== Source material ==

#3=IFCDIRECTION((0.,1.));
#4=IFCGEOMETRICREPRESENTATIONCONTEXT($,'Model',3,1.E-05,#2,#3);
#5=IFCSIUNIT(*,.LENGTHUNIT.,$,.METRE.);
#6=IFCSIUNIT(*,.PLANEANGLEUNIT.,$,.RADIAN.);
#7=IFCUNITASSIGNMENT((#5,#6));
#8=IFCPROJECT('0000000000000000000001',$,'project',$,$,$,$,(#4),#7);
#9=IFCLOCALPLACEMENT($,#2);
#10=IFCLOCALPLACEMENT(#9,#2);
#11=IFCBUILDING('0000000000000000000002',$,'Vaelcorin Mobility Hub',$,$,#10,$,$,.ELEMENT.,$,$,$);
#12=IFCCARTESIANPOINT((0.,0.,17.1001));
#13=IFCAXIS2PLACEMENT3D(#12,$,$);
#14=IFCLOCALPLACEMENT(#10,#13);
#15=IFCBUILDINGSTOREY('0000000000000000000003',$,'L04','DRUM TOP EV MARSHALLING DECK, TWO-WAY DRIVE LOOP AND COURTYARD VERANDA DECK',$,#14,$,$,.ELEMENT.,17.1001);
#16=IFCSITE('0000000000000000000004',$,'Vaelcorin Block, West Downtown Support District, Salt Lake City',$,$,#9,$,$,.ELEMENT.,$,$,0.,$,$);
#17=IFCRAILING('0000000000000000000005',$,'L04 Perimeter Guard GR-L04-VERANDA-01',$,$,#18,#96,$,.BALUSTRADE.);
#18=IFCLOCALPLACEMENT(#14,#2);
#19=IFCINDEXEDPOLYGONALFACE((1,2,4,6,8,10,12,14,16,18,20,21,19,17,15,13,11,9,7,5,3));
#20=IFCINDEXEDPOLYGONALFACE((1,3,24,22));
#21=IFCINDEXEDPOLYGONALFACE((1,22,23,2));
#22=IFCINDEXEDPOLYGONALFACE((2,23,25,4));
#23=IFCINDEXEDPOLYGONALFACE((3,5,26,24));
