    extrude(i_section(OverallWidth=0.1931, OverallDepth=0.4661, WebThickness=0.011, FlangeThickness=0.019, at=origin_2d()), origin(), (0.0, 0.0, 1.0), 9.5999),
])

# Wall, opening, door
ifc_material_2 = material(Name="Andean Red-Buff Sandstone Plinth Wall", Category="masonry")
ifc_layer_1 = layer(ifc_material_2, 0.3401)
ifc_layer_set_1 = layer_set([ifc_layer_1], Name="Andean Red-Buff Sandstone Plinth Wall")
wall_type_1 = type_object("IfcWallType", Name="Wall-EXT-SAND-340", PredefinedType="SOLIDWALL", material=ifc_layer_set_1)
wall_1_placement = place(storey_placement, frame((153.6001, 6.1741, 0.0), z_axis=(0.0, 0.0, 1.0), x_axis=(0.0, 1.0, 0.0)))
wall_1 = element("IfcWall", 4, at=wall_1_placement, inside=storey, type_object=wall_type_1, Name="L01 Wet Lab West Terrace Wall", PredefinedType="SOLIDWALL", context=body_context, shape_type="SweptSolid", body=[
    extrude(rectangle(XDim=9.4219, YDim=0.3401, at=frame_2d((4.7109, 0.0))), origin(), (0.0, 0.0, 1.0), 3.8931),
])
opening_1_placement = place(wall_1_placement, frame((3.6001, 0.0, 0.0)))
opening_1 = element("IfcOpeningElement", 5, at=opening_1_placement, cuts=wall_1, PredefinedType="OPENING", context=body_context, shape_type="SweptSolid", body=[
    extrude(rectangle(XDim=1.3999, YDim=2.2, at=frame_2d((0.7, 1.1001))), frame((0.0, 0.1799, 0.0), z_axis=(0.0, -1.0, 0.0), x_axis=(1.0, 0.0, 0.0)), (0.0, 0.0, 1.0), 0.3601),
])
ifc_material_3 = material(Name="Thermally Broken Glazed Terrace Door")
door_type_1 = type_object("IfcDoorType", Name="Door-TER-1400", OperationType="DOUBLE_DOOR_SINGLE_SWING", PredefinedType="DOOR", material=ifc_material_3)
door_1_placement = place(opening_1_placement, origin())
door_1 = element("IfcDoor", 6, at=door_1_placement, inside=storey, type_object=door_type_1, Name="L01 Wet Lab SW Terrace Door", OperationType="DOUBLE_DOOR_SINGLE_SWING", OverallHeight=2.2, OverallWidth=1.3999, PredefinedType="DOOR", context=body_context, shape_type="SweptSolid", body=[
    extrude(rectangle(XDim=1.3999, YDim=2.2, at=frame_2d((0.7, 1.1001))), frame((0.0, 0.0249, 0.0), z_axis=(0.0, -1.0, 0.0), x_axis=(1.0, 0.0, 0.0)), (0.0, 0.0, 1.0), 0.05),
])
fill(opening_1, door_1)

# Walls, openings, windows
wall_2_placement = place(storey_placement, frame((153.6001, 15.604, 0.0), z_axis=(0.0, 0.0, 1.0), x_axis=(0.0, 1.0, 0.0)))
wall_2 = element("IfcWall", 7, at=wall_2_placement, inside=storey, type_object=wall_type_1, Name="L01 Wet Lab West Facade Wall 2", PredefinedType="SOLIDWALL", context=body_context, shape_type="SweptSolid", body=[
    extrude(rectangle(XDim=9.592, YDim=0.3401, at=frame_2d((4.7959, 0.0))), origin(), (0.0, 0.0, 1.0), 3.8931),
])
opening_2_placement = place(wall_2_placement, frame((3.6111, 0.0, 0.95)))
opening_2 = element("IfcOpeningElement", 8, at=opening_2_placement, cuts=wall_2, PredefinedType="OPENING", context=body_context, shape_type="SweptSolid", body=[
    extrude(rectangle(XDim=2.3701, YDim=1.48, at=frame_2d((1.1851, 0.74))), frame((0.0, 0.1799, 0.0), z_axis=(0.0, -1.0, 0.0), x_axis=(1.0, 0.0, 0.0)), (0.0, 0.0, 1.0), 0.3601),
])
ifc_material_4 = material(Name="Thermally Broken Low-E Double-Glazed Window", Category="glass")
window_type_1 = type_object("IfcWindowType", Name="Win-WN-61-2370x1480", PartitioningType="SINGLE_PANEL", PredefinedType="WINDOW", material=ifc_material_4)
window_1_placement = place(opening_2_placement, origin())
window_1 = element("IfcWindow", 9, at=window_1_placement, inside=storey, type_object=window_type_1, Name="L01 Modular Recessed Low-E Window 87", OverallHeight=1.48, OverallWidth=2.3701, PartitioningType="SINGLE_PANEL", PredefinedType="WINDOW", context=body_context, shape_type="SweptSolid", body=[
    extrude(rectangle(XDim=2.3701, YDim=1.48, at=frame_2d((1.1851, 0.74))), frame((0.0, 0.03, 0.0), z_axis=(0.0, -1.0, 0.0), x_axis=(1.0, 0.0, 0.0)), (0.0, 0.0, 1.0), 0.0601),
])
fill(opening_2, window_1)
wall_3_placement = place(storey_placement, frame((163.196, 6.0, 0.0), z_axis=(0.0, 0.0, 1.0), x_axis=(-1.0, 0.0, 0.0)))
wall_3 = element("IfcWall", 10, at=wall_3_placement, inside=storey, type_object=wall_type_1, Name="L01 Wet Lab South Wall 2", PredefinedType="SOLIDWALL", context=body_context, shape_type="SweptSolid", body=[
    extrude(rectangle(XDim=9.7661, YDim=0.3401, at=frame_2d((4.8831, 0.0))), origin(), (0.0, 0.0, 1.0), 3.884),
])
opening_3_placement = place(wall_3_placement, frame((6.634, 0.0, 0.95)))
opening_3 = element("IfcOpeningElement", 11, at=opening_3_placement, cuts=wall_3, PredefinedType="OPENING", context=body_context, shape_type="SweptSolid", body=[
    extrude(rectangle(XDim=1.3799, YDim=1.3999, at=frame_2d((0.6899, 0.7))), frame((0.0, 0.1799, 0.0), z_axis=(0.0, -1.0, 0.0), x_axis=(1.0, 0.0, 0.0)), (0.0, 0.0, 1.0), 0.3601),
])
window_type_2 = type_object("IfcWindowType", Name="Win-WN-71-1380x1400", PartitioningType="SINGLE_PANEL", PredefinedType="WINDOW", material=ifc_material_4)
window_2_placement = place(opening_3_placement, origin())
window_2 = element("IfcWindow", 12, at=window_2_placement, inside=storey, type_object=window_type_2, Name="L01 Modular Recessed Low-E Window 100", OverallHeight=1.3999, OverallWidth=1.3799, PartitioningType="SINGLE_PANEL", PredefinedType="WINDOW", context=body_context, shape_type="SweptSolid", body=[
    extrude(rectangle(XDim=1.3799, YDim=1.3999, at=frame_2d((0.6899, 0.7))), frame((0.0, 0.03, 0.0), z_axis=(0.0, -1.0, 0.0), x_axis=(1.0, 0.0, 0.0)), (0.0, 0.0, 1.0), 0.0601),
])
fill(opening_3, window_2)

== Task instructions ==
With the first line being the one containing "Broken Glazed Terrace" and the last line the one containing "frame((3.6111, 0.0, 0.95)))", transcribe exactly the lines above that fall in that range.

== Reply to the exercise ==
ifc_material_3 = material(Name="Thermally Broken Glazed Terrace Door")
door_type_1 = type_object("IfcDoorType", Name="Door-TER-1400", OperationType="DOUBLE_DOOR_SINGLE_SWING", PredefinedType="DOOR", material=ifc_material_3)
door_1_placement = place(opening_1_placement, origin())
door_1 = element("IfcDoor", 6, at=door_1_placement, inside=storey, type_object=door_type_1, Name="L01 Wet Lab SW Terrace Door", OperationType="DOUBLE_DOOR_SINGLE_SWING", OverallHeight=2.2, OverallWidth=1.3999, PredefinedType="DOOR", context=body_context, shape_type="SweptSolid", body=[
    extrude(rectangle(XDim=1.3999, YDim=2.2, at=frame_2d((0.7, 1.1001))), frame((0.0, 0.0249, 0.0), z_axis=(0.0, -1.0, 0.0), x_axis=(1.0, 0.0, 0.0)), (0.0, 0.0, 1.0), 0.05),
])
fill(opening_1, door_1)

# Walls, openings, windows
wall_2_placement = place(storey_placement, frame((153.6001, 15.604, 0.0), z_axis=(0.0, 0.0, 1.0), x_axis=(0.0, 1.0, 0.0)))
wall_2 = element("IfcWall", 7, at=wall_2_placement, inside=storey, type_object=wall_type_1, Name="L01 Wet Lab West Facade Wall 2", PredefinedType="SOLIDWALL", context=body_context, shape_type="SweptSolid", body=[
    extrude(rectangle(XDim=9.592, YDim=0.3401, at=frame_2d((4.7959, 0.0))), origin(), (0.0, 0.0, 1.0), 3.8931),
])
opening_2_placement = place(wall_2_placement, frame((3.6111, 0.0, 0.95)))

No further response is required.